### What is needed
Within the records below is a range that opens at the line with "#117=IFCPRODUCTDEFINITIONSHAPE($,$,(#116));" and closes at the line with "#121=IFCINDEXEDPOLYGONALFACEWITHVOIDS((1,7,8,2),((3,4,6,5)));". Return that range word for word, both ends included, and only that range.

::: Data supplied :::

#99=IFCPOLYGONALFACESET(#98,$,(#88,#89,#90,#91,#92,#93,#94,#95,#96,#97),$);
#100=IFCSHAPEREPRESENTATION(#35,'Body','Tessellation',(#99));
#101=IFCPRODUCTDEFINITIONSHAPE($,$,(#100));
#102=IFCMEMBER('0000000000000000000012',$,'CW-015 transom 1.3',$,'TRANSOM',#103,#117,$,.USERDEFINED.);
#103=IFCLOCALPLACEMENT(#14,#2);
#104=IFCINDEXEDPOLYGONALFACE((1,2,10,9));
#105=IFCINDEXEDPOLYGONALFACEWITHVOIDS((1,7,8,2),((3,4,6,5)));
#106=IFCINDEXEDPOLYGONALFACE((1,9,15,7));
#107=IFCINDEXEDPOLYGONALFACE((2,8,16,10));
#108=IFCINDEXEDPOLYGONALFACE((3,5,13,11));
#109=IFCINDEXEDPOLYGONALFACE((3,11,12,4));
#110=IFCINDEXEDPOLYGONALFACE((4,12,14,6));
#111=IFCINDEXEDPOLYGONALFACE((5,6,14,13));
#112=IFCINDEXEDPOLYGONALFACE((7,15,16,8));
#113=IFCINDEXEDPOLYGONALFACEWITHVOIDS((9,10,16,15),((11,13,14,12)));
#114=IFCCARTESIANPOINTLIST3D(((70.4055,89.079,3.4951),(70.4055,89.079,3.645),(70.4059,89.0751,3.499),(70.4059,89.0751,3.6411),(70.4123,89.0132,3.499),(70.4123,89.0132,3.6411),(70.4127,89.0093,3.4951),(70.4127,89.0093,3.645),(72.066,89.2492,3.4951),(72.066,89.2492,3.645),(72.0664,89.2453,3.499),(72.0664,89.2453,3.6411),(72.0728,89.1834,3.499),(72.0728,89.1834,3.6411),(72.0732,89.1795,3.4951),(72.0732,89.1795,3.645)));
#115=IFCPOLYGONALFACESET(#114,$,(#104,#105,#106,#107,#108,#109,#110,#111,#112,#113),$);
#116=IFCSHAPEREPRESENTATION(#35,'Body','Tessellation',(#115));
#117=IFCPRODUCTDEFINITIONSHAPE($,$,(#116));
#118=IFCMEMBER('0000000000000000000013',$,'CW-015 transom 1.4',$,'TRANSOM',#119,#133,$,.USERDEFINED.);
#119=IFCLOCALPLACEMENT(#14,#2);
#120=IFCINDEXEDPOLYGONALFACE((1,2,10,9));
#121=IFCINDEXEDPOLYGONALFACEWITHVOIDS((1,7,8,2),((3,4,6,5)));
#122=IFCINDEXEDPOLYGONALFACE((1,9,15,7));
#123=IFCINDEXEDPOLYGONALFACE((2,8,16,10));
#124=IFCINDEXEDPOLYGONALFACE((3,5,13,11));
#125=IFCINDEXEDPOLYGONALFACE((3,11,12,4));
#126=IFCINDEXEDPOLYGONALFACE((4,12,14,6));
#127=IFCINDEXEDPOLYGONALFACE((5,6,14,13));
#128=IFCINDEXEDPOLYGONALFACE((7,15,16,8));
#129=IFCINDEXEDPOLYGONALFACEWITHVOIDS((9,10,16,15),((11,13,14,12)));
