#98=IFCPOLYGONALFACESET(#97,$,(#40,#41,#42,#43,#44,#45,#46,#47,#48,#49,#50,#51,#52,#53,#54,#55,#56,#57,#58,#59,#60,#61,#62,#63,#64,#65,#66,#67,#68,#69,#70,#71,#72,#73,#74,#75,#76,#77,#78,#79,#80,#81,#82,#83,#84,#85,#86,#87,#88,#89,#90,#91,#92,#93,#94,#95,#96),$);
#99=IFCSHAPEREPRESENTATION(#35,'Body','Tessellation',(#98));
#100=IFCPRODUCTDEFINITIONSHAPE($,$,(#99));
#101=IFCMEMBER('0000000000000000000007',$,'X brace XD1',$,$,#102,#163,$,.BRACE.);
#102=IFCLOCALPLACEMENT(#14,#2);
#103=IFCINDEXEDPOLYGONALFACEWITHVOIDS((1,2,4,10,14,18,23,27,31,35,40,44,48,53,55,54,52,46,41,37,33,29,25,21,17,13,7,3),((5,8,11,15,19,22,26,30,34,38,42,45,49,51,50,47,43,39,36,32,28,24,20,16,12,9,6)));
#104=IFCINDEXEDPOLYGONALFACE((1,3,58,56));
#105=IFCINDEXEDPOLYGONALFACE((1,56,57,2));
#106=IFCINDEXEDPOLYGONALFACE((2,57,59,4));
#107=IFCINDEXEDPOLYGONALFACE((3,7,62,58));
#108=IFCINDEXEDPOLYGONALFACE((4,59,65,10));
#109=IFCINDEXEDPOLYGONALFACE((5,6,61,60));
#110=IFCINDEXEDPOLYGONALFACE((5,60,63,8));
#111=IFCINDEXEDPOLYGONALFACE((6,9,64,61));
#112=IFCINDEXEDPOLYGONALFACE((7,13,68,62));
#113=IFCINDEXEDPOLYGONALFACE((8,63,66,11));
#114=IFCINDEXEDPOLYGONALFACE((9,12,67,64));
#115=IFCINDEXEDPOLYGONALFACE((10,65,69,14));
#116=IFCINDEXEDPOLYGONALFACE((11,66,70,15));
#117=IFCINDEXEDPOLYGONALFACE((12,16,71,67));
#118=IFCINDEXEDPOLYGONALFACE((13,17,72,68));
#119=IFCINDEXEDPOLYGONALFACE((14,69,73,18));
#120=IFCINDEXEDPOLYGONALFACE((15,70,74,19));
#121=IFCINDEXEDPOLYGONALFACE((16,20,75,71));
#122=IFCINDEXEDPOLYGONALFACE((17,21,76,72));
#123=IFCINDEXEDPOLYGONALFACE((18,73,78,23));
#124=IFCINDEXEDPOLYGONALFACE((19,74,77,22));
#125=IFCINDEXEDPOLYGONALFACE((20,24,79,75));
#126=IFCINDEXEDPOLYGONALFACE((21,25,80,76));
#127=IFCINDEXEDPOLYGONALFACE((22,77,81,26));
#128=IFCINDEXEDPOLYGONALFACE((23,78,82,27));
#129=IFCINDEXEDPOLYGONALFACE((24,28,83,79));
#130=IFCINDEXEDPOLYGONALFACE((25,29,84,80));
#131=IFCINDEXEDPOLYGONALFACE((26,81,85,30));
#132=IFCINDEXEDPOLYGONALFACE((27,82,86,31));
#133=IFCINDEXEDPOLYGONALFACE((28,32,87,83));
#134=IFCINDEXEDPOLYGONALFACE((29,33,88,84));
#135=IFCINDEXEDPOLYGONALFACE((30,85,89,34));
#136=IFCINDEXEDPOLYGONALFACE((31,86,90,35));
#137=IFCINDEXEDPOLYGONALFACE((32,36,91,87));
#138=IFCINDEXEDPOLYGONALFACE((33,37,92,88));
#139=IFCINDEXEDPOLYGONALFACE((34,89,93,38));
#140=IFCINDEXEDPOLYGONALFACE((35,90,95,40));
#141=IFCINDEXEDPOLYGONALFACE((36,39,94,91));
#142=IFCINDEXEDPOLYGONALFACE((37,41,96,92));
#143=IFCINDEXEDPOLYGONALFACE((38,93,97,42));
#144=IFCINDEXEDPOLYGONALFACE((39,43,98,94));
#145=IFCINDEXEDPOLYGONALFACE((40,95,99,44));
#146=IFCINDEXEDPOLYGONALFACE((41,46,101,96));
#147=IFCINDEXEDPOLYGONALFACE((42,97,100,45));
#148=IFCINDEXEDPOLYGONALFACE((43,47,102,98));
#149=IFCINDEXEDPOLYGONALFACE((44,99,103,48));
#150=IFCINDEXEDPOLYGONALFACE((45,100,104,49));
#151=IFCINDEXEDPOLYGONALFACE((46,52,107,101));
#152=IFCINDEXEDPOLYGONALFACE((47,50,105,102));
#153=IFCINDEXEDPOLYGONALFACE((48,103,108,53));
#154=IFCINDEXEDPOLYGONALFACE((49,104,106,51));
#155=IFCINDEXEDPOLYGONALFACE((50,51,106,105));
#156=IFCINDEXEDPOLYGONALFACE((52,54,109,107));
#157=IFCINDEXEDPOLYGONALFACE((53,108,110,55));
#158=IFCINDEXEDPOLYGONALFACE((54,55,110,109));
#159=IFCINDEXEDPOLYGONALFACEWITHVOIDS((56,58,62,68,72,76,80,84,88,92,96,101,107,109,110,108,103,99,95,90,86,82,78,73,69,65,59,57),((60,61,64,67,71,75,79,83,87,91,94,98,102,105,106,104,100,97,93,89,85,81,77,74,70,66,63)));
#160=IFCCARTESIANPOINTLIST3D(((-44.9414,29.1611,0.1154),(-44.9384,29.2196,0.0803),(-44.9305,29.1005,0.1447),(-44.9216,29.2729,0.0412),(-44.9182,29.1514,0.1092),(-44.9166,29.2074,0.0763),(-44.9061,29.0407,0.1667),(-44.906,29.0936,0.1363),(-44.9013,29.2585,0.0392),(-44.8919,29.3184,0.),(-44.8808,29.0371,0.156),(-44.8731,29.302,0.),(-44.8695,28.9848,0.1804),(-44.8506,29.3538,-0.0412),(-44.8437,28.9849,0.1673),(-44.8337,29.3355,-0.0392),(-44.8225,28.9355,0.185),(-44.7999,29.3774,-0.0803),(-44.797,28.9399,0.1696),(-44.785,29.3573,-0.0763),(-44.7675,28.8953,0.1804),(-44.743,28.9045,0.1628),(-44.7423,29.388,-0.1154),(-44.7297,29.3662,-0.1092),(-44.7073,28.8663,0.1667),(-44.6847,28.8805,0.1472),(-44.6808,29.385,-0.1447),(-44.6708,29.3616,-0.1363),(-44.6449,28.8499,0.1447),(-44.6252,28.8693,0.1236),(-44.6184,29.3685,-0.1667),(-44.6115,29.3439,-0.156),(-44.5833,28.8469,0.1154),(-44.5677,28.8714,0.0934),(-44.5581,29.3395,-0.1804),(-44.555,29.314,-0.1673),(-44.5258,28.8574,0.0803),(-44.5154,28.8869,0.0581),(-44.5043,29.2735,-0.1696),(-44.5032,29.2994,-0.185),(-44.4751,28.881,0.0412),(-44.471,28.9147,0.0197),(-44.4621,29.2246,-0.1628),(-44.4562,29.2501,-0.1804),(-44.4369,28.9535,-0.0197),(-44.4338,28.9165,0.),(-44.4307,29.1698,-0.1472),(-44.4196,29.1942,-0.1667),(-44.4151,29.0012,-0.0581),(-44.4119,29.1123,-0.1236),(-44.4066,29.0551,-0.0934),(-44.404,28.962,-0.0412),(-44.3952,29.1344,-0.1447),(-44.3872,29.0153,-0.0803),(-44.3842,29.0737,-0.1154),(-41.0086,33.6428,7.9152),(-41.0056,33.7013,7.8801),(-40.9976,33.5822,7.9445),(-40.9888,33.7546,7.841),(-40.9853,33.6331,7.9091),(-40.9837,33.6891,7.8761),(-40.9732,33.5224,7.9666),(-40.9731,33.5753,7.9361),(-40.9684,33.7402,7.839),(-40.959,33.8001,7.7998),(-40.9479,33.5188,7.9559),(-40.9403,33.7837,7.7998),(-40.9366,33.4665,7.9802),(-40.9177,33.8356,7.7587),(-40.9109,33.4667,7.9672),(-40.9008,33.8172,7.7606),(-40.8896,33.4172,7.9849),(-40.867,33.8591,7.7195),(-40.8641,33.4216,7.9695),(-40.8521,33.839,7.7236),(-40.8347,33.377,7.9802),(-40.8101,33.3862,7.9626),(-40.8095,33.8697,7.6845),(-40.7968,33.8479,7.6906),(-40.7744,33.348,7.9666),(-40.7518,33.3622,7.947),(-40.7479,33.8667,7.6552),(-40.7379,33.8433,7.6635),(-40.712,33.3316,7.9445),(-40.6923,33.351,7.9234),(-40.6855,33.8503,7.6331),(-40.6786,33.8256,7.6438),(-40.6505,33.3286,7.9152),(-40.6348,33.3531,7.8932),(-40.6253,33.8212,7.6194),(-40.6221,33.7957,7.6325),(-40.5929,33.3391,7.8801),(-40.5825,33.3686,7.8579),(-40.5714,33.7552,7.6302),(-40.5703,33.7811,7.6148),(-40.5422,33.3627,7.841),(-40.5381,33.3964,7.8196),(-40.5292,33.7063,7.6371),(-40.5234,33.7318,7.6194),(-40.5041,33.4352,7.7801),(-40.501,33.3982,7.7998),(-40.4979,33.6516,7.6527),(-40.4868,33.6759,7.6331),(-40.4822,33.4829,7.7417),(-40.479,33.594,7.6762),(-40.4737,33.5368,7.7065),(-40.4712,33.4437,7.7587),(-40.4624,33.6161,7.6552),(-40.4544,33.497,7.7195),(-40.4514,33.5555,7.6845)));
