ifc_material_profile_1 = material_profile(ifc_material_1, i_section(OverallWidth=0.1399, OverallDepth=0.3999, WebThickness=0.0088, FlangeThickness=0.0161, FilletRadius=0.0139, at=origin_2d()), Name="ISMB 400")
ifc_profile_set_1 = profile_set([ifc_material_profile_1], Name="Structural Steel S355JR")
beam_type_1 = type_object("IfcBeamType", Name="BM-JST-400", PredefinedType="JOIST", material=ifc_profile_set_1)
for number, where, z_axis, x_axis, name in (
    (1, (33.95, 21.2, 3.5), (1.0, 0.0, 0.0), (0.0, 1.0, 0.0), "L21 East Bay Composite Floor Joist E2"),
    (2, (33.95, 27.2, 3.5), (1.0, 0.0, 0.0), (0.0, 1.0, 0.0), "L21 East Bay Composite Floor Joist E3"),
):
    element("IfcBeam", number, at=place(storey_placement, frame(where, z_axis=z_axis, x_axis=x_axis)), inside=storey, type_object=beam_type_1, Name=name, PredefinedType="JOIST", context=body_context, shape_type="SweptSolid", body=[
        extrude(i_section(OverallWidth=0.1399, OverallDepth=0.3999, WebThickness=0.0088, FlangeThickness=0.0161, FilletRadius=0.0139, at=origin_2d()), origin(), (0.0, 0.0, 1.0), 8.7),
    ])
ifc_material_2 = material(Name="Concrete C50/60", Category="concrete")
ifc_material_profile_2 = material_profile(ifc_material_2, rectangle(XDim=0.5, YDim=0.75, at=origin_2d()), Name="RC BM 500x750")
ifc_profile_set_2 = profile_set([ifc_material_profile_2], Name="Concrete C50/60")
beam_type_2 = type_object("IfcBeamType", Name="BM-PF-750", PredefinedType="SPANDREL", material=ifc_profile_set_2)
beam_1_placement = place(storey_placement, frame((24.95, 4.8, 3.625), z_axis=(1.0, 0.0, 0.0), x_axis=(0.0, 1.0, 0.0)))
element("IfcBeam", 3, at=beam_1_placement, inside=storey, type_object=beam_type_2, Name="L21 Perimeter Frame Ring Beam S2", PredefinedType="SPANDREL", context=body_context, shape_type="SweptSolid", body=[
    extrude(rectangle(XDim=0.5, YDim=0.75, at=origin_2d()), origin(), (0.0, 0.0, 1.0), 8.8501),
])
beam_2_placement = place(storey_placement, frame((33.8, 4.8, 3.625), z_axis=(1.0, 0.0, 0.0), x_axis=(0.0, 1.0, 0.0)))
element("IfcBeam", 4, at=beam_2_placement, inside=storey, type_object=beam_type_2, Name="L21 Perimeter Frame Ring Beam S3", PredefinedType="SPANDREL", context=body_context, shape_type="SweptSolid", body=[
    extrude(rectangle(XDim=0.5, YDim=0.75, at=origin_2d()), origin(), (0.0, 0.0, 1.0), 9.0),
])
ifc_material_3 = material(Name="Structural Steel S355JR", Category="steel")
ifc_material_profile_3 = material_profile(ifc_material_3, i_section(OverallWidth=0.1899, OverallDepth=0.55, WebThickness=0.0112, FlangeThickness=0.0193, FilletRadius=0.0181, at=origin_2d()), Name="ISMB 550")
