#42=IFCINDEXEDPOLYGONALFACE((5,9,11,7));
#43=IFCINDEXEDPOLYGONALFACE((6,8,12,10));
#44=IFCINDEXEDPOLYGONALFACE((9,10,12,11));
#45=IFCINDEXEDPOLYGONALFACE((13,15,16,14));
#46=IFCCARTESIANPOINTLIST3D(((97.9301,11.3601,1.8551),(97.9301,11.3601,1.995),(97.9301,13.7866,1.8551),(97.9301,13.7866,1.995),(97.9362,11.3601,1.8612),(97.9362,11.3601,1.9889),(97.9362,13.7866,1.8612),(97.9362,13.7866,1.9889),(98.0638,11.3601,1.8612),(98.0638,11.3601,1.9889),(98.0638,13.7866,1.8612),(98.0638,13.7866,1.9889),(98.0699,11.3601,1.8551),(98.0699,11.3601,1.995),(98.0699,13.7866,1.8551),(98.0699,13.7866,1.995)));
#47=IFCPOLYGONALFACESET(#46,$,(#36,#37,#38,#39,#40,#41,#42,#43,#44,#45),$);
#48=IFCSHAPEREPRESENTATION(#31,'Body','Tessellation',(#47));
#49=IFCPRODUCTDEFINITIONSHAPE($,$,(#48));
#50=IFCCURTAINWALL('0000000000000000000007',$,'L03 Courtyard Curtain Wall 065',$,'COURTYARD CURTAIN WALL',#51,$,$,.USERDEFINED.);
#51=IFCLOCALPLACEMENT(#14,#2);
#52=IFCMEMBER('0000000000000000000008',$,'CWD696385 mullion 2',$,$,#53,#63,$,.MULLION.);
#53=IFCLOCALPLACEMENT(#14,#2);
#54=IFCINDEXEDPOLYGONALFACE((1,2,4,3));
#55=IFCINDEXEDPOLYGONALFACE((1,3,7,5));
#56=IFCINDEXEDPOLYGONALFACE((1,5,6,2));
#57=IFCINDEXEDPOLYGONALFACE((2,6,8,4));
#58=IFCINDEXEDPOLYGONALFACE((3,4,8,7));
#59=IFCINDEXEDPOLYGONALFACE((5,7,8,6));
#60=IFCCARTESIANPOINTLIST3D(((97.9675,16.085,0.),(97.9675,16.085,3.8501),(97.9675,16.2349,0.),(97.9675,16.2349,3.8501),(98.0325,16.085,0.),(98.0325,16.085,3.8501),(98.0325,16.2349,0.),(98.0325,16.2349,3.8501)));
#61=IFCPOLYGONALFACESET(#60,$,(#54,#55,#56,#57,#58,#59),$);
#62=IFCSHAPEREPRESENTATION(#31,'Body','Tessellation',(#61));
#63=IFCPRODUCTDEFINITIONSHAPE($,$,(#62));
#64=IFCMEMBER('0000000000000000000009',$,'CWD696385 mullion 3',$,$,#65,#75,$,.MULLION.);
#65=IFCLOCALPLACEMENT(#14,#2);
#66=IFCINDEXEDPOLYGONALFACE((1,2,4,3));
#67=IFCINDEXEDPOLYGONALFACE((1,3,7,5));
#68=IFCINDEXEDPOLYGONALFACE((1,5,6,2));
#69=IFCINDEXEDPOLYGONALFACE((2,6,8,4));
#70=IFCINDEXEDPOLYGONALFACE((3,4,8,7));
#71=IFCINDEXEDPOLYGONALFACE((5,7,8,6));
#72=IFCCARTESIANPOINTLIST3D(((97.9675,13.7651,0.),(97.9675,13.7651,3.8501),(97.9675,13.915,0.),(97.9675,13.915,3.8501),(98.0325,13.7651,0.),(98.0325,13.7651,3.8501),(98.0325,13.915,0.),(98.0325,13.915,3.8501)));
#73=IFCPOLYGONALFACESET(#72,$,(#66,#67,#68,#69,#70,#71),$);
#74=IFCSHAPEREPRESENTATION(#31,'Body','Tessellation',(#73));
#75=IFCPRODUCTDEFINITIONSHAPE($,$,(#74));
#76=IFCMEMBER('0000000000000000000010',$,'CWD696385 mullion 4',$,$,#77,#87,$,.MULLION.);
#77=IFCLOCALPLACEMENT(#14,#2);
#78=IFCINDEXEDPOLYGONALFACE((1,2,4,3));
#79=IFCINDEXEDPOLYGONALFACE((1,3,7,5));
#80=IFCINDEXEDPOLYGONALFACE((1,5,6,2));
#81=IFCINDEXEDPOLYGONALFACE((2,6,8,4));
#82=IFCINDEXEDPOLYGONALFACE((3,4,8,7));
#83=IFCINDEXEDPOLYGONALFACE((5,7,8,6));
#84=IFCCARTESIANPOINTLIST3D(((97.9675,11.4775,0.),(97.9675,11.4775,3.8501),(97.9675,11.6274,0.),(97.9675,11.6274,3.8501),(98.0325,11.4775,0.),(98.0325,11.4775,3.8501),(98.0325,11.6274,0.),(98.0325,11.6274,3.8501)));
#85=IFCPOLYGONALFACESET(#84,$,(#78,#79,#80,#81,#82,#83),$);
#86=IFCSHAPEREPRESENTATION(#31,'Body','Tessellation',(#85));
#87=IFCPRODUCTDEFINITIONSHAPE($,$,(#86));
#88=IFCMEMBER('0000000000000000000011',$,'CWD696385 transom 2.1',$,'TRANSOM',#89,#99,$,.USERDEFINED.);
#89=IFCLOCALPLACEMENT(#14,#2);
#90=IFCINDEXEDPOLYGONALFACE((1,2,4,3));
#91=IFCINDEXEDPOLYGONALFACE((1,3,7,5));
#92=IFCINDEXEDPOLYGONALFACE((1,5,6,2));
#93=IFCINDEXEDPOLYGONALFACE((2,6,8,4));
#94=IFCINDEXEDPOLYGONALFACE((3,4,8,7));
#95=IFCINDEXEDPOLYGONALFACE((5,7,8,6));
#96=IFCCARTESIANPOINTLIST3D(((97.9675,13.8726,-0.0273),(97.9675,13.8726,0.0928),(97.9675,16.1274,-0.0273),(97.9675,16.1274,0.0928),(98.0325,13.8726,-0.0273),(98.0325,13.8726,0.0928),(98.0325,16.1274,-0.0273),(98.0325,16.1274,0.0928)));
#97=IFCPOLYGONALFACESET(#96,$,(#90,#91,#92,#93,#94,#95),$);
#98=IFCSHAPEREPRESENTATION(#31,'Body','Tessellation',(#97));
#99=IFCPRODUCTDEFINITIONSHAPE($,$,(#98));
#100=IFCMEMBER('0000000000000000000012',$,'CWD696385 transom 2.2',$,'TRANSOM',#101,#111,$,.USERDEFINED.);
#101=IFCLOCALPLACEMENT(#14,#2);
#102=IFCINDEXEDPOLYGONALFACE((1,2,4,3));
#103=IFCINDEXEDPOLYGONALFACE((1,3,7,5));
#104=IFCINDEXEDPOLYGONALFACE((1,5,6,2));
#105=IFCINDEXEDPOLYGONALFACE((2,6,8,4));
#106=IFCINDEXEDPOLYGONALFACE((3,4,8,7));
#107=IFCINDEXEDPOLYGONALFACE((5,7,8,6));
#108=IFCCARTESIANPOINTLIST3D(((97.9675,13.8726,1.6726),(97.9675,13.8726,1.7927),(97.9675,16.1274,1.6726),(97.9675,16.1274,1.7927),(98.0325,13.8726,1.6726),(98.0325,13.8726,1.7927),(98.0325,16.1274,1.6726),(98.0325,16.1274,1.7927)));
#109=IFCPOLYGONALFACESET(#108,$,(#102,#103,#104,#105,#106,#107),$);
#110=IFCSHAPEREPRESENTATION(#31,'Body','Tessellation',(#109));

:::

### Final answer
#117=IFCPRODUCTDEFINITIONSHAPE($,$,(#116));
#118=IFCMEMBER('0000000000000000000013',$,'CW-015 transom 1.4',$,'TRANSOM',#119,#133,$,.USERDEFINED.);
#119=IFCLOCALPLACEMENT(#14,#2);
#120=IFCINDEXEDPOLYGONALFACE((1,2,10,9));
#121=IFCINDEXEDPOLYGONALFACEWITHVOIDS((1,7,8,2),((3,4,6,5)));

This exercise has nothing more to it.